**GOAL OF THE EXERCISE**
From the data underneath, reproduce exactly the stretch that begins at the line with "#140=IFCSHAPEREPRESENTATION(#31,'Body','Tessellation',(#139));" and ends after the line with "#165=IFCPRODUCTDEFINITIONSHAPE($,$,(#164));".

**DATA SUPPLIED**

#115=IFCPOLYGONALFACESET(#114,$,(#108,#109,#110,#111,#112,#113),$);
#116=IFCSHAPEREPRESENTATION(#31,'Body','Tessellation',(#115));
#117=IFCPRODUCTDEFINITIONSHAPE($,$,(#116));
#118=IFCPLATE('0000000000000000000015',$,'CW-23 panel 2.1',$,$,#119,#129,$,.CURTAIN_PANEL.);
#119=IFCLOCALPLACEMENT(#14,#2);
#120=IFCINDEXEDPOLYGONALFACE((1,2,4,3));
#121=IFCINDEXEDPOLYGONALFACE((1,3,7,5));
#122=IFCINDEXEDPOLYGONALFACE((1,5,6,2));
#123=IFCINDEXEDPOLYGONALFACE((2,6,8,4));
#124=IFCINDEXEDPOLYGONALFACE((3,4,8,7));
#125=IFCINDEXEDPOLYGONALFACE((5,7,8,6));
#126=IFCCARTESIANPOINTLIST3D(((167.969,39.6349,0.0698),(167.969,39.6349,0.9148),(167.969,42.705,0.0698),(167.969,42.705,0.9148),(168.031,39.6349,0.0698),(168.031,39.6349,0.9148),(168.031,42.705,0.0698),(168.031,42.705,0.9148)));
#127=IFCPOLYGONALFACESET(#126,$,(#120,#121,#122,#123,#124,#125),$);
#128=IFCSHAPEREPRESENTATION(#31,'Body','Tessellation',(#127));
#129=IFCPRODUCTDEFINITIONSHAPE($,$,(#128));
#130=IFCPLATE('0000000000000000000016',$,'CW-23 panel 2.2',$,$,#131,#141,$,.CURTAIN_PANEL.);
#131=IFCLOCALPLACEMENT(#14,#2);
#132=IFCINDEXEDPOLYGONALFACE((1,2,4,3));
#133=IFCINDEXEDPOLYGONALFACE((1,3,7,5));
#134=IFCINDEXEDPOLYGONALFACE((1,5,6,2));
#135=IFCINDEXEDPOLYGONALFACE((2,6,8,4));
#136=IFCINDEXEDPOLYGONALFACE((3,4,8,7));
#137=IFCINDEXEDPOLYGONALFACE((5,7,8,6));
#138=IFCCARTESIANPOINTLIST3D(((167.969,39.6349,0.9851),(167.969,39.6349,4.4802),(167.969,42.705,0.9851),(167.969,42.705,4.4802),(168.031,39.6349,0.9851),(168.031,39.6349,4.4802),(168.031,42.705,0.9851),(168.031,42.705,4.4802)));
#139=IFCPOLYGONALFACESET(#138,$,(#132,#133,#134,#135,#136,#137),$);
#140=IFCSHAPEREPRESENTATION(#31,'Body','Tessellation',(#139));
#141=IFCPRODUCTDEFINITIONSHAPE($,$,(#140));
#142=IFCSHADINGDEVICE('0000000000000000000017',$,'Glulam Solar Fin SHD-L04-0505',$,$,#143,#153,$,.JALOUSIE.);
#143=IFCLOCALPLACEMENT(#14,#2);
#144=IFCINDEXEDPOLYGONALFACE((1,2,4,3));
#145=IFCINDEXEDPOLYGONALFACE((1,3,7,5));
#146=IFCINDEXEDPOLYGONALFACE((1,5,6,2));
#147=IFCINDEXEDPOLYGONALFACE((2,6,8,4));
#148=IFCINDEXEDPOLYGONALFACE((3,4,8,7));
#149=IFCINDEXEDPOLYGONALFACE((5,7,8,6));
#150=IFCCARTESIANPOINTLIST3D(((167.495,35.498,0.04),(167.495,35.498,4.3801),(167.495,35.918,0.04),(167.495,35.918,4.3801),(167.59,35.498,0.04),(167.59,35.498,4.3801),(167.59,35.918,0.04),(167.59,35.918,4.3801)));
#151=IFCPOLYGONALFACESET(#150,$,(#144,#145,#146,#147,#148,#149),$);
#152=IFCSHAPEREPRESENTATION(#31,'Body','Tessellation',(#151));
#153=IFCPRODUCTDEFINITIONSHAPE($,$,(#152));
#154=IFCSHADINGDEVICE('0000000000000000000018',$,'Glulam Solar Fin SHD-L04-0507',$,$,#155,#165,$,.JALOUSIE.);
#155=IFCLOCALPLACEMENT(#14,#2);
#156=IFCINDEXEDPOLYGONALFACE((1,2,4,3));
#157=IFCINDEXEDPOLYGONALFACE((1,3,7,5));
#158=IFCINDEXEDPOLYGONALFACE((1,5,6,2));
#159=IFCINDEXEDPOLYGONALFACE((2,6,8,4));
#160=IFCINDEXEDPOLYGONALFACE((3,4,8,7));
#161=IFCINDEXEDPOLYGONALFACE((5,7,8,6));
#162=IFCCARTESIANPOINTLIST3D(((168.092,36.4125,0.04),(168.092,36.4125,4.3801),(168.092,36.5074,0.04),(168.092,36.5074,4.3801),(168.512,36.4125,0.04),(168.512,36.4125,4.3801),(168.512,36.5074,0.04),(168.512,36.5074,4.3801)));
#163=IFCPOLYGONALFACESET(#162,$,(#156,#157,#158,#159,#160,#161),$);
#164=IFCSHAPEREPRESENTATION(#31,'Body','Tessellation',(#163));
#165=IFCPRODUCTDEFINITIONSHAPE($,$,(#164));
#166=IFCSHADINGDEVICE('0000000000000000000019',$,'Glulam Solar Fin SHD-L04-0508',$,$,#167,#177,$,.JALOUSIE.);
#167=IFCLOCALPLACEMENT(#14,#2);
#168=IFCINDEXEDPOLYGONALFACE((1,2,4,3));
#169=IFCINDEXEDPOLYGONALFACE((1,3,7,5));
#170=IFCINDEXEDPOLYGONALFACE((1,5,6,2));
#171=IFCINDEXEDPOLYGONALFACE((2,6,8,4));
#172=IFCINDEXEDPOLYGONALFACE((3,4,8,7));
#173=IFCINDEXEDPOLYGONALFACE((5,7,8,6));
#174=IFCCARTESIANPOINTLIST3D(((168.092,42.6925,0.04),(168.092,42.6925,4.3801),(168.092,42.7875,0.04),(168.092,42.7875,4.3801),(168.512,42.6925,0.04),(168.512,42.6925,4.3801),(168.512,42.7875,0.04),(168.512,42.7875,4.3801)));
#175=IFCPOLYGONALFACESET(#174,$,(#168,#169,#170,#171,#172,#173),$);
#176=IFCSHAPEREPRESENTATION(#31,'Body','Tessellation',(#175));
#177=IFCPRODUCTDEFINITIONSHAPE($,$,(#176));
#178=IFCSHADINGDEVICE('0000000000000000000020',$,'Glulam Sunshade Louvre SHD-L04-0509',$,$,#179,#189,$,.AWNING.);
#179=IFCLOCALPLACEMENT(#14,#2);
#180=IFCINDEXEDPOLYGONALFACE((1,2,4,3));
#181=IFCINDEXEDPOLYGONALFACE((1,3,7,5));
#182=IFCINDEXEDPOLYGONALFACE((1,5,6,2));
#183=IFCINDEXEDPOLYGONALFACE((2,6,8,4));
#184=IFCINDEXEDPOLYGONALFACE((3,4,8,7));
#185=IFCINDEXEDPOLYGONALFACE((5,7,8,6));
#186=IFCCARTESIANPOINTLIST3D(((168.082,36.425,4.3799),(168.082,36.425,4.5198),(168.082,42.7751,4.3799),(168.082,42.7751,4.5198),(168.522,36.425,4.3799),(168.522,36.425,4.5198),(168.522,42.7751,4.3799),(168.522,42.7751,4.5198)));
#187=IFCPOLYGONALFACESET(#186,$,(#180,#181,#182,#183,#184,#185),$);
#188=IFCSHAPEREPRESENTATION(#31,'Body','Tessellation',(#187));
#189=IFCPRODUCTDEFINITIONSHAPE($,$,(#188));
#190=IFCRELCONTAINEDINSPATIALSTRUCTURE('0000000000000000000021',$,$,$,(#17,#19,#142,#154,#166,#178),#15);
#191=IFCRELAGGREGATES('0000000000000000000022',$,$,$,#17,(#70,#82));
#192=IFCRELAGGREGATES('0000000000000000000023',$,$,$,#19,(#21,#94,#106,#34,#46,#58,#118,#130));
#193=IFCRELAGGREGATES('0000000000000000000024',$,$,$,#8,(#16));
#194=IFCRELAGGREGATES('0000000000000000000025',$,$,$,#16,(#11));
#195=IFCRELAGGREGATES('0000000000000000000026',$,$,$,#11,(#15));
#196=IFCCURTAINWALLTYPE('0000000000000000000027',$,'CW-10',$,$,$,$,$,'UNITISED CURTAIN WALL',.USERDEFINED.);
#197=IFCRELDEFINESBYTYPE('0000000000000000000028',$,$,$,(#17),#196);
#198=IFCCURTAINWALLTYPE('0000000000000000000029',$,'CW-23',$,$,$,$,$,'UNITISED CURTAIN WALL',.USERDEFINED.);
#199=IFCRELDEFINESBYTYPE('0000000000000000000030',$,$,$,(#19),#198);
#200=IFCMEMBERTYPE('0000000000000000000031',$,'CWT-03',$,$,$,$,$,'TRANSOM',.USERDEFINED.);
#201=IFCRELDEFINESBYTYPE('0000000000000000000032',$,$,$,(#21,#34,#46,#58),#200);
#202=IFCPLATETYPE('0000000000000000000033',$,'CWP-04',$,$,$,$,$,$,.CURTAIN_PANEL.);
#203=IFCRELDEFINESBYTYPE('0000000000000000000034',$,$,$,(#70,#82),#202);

**ANSWER TO THIS PROBLEM**
#140=IFCSHAPEREPRESENTATION(#31,'Body','Tessellation',(#139));
#141=IFCPRODUCTDEFINITIONSHAPE($,$,(#140));
#142=IFCSHADINGDEVICE('0000000000000000000017',$,'Glulam Solar Fin SHD-L04-0505',$,$,#143,#153,$,.JALOUSIE.);
#143=IFCLOCALPLACEMENT(#14,#2);
#144=IFCINDEXEDPOLYGONALFACE((1,2,4,3));
#145=IFCINDEXEDPOLYGONALFACE((1,3,7,5));
#146=IFCINDEXEDPOLYGONALFACE((1,5,6,2));
#147=IFCINDEXEDPOLYGONALFACE((2,6,8,4));
#148=IFCINDEXEDPOLYGONALFACE((3,4,8,7));
#149=IFCINDEXEDPOLYGONALFACE((5,7,8,6));
#150=IFCCARTESIANPOINTLIST3D(((167.495,35.498,0.04),(167.495,35.498,4.3801),(167.495,35.918,0.04),(167.495,35.918,4.3801),(167.59,35.498,0.04),(167.59,35.498,4.3801),(167.59,35.918,0.04),(167.59,35.918,4.3801)));
#151=IFCPOLYGONALFACESET(#150,$,(#144,#145,#146,#147,#148,#149),$);
#152=IFCSHAPEREPRESENTATION(#31,'Body','Tessellation',(#151));
#153=IFCPRODUCTDEFINITIONSHAPE($,$,(#152));
#154=IFCSHADINGDEVICE('0000000000000000000018',$,'Glulam Solar Fin SHD-L04-0507',$,$,#155,#165,$,.JALOUSIE.);
#155=IFCLOCALPLACEMENT(#14,#2);
#156=IFCINDEXEDPOLYGONALFACE((1,2,4,3));
#157=IFCINDEXEDPOLYGONALFACE((1,3,7,5));
#158=IFCINDEXEDPOLYGONALFACE((1,5,6,2));
#159=IFCINDEXEDPOLYGONALFACE((2,6,8,4));
#160=IFCINDEXEDPOLYGONALFACE((3,4,8,7));
#161=IFCINDEXEDPOLYGONALFACE((5,7,8,6));
#162=IFCCARTESIANPOINTLIST3D(((168.092,36.4125,0.04),(168.092,36.4125,4.3801),(168.092,36.5074,0.04),(168.092,36.5074,4.3801),(168.512,36.4125,0.04),(168.512,36.4125,4.3801),(168.512,36.5074,0.04),(168.512,36.5074,4.3801)));
#163=IFCPOLYGONALFACESET(#162,$,(#156,#157,#158,#159,#160,#161),$);
#164=IFCSHAPEREPRESENTATION(#31,'Body','Tessellation',(#163));
#165=IFCPRODUCTDEFINITIONSHAPE($,$,(#164));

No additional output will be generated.